• _What is being asked_: For the entries below, repeat exactly each line starting with the one that contains "#115=IFCINDEXEDPOLYGONALFACE((51,63,64,52));" and going on through the one that contains "#143=IFCINDEXEDPOLYGONALFACE((109,111,112,110));", and no others.

• _Task input_:

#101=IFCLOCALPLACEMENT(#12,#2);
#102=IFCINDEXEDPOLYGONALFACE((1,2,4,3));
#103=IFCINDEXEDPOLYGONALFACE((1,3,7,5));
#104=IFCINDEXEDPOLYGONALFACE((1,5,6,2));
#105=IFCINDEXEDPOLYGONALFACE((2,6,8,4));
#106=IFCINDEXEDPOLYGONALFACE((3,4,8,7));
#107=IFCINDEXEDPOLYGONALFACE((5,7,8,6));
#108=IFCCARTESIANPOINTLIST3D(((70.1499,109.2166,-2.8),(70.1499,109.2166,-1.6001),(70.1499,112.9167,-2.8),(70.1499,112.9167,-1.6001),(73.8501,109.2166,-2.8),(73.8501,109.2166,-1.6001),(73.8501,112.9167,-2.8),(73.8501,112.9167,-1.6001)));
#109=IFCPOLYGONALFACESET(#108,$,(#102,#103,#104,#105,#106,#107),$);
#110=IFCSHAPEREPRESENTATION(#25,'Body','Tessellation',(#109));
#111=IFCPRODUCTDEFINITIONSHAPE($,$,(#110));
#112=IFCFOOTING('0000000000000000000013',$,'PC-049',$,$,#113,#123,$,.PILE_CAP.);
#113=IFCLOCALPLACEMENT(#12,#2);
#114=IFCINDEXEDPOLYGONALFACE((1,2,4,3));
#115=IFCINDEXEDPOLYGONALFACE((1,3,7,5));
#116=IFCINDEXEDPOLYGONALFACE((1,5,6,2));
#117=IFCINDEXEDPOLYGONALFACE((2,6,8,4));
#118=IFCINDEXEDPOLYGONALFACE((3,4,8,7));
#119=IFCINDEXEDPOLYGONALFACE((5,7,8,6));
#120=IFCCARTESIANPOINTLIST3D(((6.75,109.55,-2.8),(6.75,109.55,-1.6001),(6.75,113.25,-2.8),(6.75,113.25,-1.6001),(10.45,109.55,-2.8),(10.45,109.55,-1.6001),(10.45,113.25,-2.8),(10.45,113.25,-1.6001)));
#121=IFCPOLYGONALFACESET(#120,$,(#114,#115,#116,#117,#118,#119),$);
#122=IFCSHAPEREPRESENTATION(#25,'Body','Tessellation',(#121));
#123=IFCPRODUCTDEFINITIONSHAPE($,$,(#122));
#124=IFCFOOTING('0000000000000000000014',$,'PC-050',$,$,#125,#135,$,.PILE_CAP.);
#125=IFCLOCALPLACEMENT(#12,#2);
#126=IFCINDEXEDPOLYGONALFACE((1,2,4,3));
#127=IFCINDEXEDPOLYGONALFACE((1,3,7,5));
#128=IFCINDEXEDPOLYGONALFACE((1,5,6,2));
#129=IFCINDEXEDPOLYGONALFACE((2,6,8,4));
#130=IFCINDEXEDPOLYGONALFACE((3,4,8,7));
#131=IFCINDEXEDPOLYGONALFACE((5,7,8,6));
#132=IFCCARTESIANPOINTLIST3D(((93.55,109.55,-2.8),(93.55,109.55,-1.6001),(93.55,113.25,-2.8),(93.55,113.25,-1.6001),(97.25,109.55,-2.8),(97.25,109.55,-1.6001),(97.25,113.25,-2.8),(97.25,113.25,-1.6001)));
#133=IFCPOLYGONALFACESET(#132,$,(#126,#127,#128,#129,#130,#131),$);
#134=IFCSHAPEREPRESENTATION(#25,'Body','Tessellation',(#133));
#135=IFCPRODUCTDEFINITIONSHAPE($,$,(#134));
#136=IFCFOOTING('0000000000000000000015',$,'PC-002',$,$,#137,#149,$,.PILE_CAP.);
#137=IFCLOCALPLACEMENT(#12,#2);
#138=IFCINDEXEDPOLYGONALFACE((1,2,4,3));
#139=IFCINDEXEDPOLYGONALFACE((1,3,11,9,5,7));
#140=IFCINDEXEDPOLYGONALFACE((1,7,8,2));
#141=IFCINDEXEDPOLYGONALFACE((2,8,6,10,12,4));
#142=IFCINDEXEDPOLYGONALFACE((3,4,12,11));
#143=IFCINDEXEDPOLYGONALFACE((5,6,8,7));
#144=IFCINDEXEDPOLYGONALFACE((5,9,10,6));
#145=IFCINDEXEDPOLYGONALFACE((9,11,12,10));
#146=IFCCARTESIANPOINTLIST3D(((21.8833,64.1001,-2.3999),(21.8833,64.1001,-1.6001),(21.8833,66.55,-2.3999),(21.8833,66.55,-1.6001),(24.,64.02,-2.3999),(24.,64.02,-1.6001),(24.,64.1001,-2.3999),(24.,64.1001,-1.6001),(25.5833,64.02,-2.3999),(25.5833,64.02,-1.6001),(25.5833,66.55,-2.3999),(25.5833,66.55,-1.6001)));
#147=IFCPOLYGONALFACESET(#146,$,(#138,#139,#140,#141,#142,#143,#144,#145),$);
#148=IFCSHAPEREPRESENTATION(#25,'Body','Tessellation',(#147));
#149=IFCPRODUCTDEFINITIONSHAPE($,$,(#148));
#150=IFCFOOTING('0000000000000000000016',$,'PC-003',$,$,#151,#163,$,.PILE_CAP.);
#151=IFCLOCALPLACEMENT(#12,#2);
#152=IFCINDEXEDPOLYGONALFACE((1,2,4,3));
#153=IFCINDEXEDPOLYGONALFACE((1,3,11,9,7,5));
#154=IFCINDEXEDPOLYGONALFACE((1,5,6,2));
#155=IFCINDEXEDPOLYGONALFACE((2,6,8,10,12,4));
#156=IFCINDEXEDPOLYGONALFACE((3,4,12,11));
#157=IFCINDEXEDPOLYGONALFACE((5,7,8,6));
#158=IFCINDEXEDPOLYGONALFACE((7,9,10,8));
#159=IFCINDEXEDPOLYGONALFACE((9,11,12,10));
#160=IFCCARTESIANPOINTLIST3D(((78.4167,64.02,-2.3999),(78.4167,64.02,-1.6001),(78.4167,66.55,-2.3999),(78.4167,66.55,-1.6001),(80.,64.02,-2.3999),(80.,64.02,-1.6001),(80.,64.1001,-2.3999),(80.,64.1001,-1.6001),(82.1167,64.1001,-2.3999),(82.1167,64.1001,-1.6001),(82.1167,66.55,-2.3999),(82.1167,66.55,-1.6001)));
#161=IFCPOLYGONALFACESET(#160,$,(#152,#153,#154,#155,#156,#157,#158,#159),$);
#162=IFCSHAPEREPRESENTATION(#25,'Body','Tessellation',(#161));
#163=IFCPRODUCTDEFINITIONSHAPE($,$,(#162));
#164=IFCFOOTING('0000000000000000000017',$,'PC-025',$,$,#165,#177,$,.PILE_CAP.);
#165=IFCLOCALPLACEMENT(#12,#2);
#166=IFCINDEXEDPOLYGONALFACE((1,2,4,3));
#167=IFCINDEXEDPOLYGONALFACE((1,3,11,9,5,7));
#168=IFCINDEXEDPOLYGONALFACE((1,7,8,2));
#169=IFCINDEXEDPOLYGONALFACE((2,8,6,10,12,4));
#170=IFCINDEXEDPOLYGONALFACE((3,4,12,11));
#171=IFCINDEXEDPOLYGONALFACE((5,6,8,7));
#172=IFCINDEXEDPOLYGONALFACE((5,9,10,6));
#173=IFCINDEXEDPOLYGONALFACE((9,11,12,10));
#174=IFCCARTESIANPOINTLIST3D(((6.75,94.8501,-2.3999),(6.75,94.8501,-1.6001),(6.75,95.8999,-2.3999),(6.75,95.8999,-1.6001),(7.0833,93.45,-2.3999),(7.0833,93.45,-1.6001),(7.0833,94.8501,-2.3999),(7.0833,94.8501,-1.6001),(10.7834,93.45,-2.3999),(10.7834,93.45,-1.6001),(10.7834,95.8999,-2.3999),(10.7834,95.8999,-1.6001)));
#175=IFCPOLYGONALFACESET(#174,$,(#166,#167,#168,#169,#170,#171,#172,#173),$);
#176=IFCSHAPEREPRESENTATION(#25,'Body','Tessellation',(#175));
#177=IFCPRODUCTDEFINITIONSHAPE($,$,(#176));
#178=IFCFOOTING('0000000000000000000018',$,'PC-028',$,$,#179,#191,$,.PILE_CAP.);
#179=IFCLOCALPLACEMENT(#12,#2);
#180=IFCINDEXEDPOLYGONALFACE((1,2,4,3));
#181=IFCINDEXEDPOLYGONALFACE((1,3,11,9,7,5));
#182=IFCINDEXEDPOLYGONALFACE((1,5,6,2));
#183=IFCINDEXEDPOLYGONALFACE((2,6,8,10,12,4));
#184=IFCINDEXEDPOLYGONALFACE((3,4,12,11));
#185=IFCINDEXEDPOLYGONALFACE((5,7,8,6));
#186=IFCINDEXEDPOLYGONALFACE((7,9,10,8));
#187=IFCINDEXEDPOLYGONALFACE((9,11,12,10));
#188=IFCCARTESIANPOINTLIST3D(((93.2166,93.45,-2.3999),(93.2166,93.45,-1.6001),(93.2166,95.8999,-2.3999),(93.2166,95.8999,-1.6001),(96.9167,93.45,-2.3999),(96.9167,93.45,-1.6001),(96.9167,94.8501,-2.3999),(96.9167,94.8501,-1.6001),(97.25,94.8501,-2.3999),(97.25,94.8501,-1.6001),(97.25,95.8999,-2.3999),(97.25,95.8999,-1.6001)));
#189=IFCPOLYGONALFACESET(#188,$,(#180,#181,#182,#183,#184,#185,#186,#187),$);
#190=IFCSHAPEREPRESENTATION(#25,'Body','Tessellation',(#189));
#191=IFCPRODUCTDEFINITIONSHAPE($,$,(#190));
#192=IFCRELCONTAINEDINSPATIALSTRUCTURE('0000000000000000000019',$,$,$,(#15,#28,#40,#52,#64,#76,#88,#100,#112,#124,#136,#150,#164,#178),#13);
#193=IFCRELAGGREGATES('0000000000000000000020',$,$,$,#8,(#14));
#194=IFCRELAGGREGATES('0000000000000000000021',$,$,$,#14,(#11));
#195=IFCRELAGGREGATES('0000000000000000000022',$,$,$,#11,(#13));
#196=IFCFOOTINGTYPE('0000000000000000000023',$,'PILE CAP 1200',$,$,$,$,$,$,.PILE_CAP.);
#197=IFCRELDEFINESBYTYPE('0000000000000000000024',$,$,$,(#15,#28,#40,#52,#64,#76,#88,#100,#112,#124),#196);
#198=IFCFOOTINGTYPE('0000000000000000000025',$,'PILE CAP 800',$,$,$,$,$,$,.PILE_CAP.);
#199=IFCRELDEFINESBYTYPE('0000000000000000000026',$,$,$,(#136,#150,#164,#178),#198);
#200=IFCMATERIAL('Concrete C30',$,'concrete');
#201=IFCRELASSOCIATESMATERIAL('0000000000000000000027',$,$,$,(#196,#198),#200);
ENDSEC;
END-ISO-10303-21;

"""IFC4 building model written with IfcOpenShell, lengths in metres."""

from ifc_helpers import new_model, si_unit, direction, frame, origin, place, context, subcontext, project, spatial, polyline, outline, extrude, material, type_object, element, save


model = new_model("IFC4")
* * *
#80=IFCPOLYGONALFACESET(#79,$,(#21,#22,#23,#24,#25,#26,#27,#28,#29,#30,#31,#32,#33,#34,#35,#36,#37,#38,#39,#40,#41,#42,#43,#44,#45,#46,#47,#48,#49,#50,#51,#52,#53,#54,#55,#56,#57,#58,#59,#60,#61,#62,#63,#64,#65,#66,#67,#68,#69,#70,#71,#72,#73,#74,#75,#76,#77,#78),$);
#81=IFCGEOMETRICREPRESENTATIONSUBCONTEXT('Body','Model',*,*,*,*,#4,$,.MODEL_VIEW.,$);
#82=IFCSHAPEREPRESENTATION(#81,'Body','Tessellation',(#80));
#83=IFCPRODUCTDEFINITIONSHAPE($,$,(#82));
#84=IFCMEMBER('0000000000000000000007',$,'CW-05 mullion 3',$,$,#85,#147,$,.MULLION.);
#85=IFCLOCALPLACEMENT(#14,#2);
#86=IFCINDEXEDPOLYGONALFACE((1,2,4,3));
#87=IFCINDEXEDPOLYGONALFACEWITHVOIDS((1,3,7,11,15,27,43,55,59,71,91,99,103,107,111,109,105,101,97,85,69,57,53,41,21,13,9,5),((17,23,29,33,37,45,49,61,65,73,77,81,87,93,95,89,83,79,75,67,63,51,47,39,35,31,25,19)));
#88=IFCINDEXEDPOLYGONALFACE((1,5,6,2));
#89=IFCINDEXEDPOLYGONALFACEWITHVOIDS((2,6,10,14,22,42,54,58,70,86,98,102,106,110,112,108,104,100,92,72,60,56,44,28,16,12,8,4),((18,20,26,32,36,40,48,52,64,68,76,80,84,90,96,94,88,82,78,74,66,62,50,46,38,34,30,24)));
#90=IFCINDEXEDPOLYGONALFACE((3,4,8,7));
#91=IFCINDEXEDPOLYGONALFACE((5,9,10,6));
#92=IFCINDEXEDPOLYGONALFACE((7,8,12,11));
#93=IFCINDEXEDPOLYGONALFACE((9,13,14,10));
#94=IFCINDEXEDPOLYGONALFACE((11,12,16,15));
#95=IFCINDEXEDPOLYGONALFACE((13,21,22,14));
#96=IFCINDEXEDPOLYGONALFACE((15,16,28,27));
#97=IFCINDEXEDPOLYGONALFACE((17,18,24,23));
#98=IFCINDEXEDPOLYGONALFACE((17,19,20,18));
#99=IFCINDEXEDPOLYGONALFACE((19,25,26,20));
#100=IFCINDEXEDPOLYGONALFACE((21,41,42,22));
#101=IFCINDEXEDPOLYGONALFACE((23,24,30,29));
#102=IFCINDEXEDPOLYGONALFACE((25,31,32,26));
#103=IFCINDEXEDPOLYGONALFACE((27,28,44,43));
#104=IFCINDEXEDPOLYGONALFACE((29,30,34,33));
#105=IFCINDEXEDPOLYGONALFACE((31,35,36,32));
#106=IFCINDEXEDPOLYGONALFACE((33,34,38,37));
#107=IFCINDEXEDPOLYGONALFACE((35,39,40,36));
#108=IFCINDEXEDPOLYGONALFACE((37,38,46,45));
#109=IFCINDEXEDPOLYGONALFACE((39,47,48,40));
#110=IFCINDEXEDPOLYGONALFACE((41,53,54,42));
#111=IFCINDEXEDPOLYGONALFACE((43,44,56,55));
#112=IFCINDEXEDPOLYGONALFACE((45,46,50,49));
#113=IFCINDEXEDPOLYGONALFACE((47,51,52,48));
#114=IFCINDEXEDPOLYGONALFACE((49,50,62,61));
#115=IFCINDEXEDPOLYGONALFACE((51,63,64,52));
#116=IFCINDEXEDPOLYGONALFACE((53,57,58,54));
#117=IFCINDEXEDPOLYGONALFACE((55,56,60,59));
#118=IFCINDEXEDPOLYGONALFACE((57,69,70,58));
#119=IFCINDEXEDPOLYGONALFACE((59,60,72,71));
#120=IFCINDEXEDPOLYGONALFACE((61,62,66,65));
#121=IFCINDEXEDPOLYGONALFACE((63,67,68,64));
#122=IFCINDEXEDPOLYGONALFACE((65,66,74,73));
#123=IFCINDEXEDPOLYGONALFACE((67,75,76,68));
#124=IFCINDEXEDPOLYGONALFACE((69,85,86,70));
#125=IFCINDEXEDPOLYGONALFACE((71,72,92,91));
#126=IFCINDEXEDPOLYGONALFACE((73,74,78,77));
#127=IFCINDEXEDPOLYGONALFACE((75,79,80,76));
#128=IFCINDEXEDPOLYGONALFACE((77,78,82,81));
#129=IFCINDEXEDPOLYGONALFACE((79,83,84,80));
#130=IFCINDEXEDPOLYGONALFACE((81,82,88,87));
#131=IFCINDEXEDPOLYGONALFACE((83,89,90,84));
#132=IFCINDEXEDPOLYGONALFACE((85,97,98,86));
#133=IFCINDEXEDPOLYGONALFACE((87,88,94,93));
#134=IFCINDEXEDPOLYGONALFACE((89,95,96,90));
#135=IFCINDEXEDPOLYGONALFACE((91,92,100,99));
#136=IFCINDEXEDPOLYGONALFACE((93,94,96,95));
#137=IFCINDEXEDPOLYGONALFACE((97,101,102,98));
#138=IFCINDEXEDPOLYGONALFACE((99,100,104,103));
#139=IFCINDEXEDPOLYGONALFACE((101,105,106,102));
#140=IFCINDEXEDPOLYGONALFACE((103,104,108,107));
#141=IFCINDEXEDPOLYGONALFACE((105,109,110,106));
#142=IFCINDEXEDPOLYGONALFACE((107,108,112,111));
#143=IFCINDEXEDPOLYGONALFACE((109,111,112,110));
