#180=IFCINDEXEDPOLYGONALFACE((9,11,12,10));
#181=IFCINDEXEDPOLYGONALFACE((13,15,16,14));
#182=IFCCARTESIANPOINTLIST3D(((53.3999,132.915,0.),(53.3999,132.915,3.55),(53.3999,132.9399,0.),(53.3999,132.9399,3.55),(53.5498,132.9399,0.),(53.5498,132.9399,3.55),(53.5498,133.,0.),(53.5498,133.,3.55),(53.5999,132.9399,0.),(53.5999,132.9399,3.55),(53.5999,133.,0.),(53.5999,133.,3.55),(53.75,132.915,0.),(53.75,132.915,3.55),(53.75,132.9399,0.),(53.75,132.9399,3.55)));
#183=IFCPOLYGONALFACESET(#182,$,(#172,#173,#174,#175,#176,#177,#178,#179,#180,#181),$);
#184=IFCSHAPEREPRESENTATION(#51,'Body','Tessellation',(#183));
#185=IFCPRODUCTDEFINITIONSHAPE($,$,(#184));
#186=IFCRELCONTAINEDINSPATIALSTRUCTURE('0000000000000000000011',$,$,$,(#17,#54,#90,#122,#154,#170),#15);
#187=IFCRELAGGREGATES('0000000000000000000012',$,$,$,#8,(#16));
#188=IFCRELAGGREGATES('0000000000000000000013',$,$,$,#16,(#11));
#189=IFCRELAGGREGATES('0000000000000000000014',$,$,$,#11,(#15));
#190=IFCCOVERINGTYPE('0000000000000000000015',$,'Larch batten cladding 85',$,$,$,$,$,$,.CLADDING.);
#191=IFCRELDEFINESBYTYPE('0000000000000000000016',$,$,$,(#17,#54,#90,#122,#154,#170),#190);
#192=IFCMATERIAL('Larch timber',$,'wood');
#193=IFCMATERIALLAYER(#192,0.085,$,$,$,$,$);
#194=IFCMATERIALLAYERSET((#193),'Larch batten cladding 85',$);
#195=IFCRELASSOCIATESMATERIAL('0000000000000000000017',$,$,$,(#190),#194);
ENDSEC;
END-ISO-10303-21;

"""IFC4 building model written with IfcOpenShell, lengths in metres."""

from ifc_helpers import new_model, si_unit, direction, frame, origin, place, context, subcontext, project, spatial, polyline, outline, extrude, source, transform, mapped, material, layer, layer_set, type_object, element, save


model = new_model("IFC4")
==
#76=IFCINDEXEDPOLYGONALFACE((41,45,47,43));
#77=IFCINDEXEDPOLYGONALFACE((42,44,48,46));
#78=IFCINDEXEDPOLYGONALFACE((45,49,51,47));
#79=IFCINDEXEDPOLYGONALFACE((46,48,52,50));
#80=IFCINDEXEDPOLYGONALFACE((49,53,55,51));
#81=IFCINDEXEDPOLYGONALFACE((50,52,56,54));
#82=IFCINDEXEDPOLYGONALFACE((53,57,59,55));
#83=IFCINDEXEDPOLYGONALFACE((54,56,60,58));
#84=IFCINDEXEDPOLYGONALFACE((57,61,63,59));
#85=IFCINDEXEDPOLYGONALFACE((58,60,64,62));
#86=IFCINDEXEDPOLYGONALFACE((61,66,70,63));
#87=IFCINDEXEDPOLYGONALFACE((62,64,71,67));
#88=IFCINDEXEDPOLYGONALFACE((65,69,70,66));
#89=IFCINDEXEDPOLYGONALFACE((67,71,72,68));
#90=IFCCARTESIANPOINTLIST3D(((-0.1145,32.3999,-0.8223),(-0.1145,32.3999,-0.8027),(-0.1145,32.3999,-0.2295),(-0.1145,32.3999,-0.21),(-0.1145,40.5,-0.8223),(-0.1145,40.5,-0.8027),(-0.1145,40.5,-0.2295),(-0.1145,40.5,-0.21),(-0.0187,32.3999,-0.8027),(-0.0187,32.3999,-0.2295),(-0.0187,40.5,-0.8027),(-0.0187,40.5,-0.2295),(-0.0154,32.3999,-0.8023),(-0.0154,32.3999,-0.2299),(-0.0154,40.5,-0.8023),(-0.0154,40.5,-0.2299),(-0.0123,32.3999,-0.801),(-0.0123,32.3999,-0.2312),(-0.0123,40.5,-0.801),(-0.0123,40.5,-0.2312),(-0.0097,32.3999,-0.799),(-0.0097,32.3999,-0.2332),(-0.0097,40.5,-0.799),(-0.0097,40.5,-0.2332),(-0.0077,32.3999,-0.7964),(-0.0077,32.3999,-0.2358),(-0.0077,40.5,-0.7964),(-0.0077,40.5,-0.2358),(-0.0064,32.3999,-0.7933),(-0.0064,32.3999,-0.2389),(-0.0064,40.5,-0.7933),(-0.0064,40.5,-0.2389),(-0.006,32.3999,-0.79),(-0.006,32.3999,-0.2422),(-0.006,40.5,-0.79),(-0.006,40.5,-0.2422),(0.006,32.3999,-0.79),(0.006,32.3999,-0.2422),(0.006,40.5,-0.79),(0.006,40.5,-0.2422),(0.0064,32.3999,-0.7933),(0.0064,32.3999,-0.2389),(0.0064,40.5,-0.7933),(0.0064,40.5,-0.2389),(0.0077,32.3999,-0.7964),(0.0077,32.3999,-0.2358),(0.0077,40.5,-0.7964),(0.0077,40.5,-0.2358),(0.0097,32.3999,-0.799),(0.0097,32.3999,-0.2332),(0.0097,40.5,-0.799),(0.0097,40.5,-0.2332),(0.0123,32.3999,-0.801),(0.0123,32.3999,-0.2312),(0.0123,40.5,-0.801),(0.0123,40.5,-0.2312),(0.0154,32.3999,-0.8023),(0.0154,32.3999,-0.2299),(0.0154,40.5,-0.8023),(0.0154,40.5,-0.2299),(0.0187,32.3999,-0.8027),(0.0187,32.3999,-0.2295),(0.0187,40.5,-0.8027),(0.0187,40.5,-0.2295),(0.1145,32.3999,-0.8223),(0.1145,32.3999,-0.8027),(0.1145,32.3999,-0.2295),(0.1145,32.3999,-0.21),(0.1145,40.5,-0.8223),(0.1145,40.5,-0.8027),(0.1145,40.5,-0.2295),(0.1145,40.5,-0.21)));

• _Your solution_:
#115=IFCINDEXEDPOLYGONALFACE((51,63,64,52));
#116=IFCINDEXEDPOLYGONALFACE((53,57,58,54));
#117=IFCINDEXEDPOLYGONALFACE((55,56,60,59));
#118=IFCINDEXEDPOLYGONALFACE((57,69,70,58));
#119=IFCINDEXEDPOLYGONALFACE((59,60,72,71));
#120=IFCINDEXEDPOLYGONALFACE((61,62,66,65));
#121=IFCINDEXEDPOLYGONALFACE((63,67,68,64));
#122=IFCINDEXEDPOLYGONALFACE((65,66,74,73));
#123=IFCINDEXEDPOLYGONALFACE((67,75,76,68));
#124=IFCINDEXEDPOLYGONALFACE((69,85,86,70));
#125=IFCINDEXEDPOLYGONALFACE((71,72,92,91));
#126=IFCINDEXEDPOLYGONALFACE((73,74,78,77));
#127=IFCINDEXEDPOLYGONALFACE((75,79,80,76));
#128=IFCINDEXEDPOLYGONALFACE((77,78,82,81));
#129=IFCINDEXEDPOLYGONALFACE((79,83,84,80));
#130=IFCINDEXEDPOLYGONALFACE((81,82,88,87));
#131=IFCINDEXEDPOLYGONALFACE((83,89,90,84));
#132=IFCINDEXEDPOLYGONALFACE((85,97,98,86));
#133=IFCINDEXEDPOLYGONALFACE((87,88,94,93));
#134=IFCINDEXEDPOLYGONALFACE((89,95,96,90));
#135=IFCINDEXEDPOLYGONALFACE((91,92,100,99));
#136=IFCINDEXEDPOLYGONALFACE((93,94,96,95));
#137=IFCINDEXEDPOLYGONALFACE((97,101,102,98));
#138=IFCINDEXEDPOLYGONALFACE((99,100,104,103));
#139=IFCINDEXEDPOLYGONALFACE((101,105,106,102));
#140=IFCINDEXEDPOLYGONALFACE((103,104,108,107));
#141=IFCINDEXEDPOLYGONALFACE((105,109,110,106));
#142=IFCINDEXEDPOLYGONALFACE((107,108,112,111));
#143=IFCINDEXEDPOLYGONALFACE((109,111,112,110));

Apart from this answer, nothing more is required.